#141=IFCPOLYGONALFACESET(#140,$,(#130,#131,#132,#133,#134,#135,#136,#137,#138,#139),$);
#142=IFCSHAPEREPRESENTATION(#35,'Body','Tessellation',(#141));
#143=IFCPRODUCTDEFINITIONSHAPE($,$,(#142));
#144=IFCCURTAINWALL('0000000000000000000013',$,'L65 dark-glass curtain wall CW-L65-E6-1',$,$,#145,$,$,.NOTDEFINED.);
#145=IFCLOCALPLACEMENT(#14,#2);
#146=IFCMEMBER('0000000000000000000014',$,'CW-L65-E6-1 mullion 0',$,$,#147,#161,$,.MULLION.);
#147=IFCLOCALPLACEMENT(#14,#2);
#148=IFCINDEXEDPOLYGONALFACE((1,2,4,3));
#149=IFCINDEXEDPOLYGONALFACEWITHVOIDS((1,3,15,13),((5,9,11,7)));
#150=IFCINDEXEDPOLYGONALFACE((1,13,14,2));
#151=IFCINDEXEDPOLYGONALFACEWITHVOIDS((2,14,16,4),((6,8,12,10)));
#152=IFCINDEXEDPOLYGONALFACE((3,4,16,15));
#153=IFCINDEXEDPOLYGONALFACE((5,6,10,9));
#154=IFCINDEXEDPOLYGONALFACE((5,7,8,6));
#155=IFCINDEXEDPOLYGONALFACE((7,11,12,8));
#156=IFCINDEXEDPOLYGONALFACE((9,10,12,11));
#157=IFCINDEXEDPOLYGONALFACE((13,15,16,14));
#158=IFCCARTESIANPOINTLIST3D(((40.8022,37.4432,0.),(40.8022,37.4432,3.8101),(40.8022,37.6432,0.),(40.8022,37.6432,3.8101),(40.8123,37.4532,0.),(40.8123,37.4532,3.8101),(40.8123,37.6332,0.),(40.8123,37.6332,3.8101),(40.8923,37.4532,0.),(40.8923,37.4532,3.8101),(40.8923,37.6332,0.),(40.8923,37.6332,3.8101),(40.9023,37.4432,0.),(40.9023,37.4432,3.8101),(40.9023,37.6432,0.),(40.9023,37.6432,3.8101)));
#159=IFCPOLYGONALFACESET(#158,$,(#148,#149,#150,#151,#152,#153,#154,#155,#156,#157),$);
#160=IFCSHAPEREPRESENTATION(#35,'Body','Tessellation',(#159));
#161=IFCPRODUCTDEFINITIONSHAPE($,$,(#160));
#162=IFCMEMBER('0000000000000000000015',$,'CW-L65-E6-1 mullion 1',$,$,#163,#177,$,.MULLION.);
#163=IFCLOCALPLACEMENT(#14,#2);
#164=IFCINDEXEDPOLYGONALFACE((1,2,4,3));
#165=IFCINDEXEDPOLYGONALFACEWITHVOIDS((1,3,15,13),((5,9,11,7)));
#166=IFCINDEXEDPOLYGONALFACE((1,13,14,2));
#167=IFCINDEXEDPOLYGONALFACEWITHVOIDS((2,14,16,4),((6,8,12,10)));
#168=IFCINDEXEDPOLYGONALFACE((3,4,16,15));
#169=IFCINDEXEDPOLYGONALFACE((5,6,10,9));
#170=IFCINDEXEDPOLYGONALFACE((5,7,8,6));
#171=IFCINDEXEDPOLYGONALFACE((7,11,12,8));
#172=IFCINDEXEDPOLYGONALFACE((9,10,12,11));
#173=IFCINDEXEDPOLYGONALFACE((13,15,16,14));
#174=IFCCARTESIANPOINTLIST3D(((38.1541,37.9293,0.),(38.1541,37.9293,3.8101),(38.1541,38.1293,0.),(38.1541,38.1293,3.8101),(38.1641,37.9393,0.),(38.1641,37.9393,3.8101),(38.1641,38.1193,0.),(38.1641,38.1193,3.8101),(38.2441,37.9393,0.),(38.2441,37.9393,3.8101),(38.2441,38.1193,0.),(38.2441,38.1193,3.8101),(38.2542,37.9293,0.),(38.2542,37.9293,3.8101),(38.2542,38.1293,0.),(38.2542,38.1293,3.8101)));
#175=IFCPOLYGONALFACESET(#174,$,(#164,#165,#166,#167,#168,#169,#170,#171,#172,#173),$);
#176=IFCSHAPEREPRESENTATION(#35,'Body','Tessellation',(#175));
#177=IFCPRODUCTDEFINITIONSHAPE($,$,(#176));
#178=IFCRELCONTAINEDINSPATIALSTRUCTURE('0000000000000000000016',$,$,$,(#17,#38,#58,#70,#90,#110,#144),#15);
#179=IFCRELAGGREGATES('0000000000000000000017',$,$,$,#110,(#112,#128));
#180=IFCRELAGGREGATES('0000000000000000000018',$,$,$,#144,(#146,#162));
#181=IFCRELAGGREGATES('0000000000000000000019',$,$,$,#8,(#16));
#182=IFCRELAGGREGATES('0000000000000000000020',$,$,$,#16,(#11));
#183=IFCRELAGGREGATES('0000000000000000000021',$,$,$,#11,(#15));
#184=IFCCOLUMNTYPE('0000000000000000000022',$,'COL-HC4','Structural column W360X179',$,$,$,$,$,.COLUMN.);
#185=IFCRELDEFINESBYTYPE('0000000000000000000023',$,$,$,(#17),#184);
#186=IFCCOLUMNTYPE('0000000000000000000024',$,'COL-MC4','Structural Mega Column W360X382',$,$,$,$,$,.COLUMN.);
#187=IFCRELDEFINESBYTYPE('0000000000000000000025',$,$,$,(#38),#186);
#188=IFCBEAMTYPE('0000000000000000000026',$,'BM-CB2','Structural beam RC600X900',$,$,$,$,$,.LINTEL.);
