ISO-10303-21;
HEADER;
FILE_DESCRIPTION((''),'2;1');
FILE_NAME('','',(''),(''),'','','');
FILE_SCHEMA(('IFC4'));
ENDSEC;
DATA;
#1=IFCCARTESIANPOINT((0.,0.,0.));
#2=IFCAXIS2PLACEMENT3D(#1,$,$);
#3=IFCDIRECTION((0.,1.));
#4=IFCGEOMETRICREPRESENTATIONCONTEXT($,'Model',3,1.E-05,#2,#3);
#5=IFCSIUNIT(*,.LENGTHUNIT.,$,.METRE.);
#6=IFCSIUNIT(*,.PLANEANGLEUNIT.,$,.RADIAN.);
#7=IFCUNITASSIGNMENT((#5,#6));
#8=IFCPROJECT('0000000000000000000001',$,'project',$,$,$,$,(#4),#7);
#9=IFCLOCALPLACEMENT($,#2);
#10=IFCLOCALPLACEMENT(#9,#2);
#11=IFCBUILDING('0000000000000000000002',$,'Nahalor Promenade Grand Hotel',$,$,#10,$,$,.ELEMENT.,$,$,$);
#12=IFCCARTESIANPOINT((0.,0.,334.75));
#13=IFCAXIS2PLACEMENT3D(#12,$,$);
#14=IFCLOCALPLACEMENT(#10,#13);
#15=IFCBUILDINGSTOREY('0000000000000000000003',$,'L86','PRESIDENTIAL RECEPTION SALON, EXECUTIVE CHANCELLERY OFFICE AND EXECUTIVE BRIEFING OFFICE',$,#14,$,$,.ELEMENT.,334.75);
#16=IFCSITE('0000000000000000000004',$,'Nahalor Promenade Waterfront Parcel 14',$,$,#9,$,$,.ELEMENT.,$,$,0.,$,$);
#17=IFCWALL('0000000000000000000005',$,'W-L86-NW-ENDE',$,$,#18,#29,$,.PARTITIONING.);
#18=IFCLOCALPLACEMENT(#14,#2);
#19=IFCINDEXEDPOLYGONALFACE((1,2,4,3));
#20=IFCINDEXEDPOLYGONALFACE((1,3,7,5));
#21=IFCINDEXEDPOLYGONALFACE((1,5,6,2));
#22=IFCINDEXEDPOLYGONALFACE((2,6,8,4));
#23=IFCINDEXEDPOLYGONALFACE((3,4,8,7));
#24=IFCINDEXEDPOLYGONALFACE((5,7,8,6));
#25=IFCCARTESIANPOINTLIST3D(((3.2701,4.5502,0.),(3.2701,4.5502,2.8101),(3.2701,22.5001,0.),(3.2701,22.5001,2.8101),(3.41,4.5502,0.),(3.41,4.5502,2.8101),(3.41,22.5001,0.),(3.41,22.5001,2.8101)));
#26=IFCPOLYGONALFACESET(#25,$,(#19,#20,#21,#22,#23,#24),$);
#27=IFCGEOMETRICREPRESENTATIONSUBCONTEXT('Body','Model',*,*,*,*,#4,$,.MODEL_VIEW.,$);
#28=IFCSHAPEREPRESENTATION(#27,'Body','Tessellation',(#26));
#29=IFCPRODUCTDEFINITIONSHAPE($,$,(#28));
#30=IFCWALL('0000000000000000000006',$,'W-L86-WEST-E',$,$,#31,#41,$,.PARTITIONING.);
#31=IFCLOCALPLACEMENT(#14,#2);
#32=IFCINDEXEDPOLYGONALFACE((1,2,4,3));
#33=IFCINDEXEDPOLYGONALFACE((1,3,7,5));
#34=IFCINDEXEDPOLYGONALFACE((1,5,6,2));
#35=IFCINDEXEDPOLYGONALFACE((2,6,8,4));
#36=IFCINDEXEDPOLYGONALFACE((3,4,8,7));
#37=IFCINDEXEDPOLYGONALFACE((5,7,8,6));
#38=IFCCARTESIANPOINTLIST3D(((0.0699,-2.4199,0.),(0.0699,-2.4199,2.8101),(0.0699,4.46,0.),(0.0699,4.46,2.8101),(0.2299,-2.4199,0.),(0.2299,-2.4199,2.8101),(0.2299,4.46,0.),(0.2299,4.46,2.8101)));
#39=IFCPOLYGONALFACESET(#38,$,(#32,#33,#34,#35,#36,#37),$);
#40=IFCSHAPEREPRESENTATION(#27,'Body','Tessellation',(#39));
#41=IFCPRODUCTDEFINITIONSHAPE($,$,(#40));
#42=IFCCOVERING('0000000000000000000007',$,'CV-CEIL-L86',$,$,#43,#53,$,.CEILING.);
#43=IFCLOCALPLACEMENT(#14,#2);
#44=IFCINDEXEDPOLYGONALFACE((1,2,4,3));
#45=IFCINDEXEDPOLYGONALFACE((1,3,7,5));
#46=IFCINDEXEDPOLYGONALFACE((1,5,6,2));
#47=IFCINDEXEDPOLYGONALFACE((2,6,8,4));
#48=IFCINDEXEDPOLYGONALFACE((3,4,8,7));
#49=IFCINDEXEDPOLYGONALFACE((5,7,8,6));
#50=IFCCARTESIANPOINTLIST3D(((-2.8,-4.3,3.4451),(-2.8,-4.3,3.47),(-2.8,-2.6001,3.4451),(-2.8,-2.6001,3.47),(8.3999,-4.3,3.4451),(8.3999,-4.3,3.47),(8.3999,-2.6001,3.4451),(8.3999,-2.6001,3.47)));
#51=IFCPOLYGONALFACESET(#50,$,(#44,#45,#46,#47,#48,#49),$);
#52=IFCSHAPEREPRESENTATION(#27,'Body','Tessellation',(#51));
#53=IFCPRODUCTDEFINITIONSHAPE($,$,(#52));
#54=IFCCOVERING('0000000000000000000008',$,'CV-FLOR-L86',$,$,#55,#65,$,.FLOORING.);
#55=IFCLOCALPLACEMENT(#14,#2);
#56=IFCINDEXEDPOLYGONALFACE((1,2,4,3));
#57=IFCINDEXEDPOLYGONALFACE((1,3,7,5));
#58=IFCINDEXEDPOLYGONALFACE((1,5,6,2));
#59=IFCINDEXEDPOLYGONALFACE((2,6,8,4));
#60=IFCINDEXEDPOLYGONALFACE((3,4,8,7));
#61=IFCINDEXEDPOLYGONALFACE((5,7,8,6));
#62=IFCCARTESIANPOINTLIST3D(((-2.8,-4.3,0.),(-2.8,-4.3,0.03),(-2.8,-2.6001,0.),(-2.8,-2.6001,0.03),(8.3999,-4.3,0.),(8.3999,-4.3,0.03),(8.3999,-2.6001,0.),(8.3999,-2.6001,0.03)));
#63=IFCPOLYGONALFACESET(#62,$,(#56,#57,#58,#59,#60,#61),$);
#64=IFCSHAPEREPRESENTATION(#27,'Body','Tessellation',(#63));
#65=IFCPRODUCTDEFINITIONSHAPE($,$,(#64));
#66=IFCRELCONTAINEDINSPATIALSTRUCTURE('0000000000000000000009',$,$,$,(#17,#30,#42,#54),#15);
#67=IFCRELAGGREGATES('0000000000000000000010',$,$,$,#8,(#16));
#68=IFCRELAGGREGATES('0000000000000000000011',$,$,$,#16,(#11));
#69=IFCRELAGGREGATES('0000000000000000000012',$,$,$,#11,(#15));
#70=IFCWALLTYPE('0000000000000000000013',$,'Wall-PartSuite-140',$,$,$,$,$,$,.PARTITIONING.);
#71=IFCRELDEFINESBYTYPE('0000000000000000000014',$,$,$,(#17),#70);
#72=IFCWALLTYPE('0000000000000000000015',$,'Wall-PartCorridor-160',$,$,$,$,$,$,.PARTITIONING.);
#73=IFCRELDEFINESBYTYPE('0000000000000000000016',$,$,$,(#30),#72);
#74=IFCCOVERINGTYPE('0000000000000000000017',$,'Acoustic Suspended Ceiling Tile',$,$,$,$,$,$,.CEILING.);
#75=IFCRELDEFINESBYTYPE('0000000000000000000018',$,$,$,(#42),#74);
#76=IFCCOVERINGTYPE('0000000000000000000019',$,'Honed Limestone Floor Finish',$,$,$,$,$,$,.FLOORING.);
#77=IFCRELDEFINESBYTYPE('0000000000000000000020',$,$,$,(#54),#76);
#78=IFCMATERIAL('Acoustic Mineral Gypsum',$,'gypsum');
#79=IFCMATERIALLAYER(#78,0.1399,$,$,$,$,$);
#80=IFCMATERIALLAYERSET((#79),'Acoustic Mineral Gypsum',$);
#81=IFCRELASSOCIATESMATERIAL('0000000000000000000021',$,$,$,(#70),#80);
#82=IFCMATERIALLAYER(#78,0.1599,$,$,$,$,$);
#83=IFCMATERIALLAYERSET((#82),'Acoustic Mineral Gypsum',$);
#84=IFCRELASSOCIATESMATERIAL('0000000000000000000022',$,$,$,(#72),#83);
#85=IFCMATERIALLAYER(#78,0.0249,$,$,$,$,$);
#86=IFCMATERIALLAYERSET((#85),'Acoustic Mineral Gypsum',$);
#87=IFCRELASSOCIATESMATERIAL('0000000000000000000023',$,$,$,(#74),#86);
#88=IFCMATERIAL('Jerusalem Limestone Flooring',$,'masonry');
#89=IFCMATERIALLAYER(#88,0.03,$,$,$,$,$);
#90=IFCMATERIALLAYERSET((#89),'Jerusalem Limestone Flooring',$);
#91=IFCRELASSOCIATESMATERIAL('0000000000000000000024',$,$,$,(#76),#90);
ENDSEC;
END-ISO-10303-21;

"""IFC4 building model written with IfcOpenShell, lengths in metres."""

from ifc_helpers import new_model, si_unit, direction, frame, frame_2d, origin, place, context, subcontext, project, spatial, polyline, rectangle, outline, extrude, source, transform, mapped, material, layer, layer_set, type_object, element, save


model = new_model("IFC4")

# Units and contexts
model_context = context("Model", 3, precision=1e-05, world=origin(), true_north=direction((0.0, 1.0)))
body_context = subcontext(model_context, "Body", "Model", "MODEL_VIEW")
ifc_project = project(units=[si_unit("LENGTHUNIT", "METRE"), si_unit("PLANEANGLEUNIT", "RADIAN")], contexts=[model_context])

# Site, building, storey
site_placement = place(None, origin())
site = spatial("IfcSite", under=ifc_project, at=site_placement, Name="Nahalor Promenade Waterfront Parcel 14", CompositionType="ELEMENT", RefElevation=0.0)
building_placement = place(site_placement, origin())
building = spatial("IfcBuilding", under=site, at=building_placement, Name="Nahalor Promenade Grand Hotel", CompositionType="ELEMENT")
storey_placement = place(building_placement, frame((0.0, 0.0, 334.75)))
storey = spatial("IfcBuildingStorey", under=building, at=storey_placement, Name="L86", Description="PRESIDENTIAL RECEPTION SALON, EXECUTIVE CHANCELLERY OFFICE AND EXECUTIVE BRIEFING OFFICE", CompositionType="ELEMENT", Elevation=334.75)

# Walls
ifc_material_1 = material(Name="Acoustic Mineral Gypsum", Category="gypsum")
ifc_layer_1 = layer(ifc_material_1, 0.1399)
ifc_layer_set_1 = layer_set([ifc_layer_1], Name="Acoustic Mineral Gypsum")
wall_type_1 = type_object("IfcWallType", Name="Wall-PartSuite-140", PredefinedType="PARTITIONING", material=ifc_layer_set_1)
shared_shape_1 = source(origin(), body_context, "Body", "SweptSolid", [
    extrude(rectangle(XDim=17.95, YDim=0.1399, at=frame_2d((8.9751, 0.0))), origin(), (0.0, 0.0, 1.0), 2.8101),
])
wall_1_placement = place(storey_placement, frame((3.3401, 4.55, 0.0), z_axis=(0.0, 0.0, 1.0), x_axis=(0.0, 1.0, 0.0)))
element("IfcWall", 1, at=wall_1_placement, inside=storey, type_object=wall_type_1, Name="W-L86-NW-ENDE", PredefinedType="PARTITIONING", context=body_context, shape_type="MappedRepresentation", body=[
    mapped(shared_shape_1, transform((0.0, 0.0, 0.0), scale=1.0)),
])
ifc_layer_2 = layer(ifc_material_1, 0.1599)
ifc_layer_set_2 = layer_set([ifc_layer_2], Name="Acoustic Mineral Gypsum")
wall_type_2 = type_object("IfcWallType", Name="Wall-PartCorridor-160", PredefinedType="PARTITIONING", material=ifc_layer_set_2)
shared_shape_2 = source(origin(), body_context, "Body", "SweptSolid", [
    extrude(rectangle(XDim=6.8799, YDim=0.1599, at=frame_2d((3.4399, 0.0))), origin(), (0.0, 0.0, 1.0), 2.8101),
])
wall_2_placement = place(storey_placement, frame((0.1499, -2.4199, 0.0), z_axis=(0.0, 0.0, 1.0), x_axis=(0.0, 1.0, 0.0)))
element("IfcWall", 2, at=wall_2_placement, inside=storey, type_object=wall_type_2, Name="W-L86-WEST-E", PredefinedType="PARTITIONING", context=body_context, shape_type="MappedRepresentation", body=[
    mapped(shared_shape_2, transform((0.0, 0.0, 0.0), scale=1.0)),
])

# Coverings
ifc_layer_3 = layer(ifc_material_1, 0.0249)
ifc_layer_set_3 = layer_set([ifc_layer_3], Name="Acoustic Mineral Gypsum")
covering_type_1 = type_object("IfcCoveringType", Name="Acoustic Suspended Ceiling Tile", PredefinedType="CEILING", material=ifc_layer_set_3)
covering_1_placement = place(storey_placement, frame((0.0, 0.0, 3.4451)))
element("IfcCovering", 3, at=covering_1_placement, inside=storey, type_object=covering_type_1, Name="CV-CEIL-L86", PredefinedType="CEILING", context=body_context, shape_type="SweptSolid", body=[
    extrude(outline(polyline([(-2.8, -4.3), (8.3999, -4.3), (8.3999, -2.6001), (-2.8, -2.6001), (-2.8, -4.3)])), origin(), (0.0, 0.0, 1.0), 0.0249),
])
ifc_material_2 = material(Name="Jerusalem Limestone Flooring", Category="masonry")
ifc_layer_4 = layer(ifc_material_2, 0.03)
ifc_layer_set_4 = layer_set([ifc_layer_4], Name="Jerusalem Limestone Flooring")
covering_type_2 = type_object("IfcCoveringType", Name="Honed Limestone Floor Finish", PredefinedType="FLOORING", material=ifc_layer_set_4)
covering_2_placement = place(storey_placement, origin())
element("IfcCovering", 4, at=covering_2_placement, inside=storey, type_object=covering_type_2, Name="CV-FLOR-L86", PredefinedType="FLOORING", context=body_context, shape_type="SweptSolid", body=[
    extrude(outline(polyline([(-2.8, -4.3), (8.3999, -4.3), (8.3999, -2.6001), (-2.8, -2.6001), (-2.8, -4.3)])), origin(), (0.0, 0.0, 1.0), 0.03),
])

save(model, "model.ifc")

---

Brief:
Only the lines above from the line containing "#89=IFCMATERIALLAYER(#88,0.03,$,$,$,$,$);" through the line containing "END-ISO-10303-21;" should be retyped, exactly and with both ends included.

Answer:
#89=IFCMATERIALLAYER(#88,0.03,$,$,$,$,$);
#90=IFCMATERIALLAYERSET((#89),'Jerusalem Limestone Flooring',$);
#91=IFCRELASSOCIATESMATERIAL('0000000000000000000024',$,$,$,(#76),#90);
ENDSEC;
END-ISO-10303-21;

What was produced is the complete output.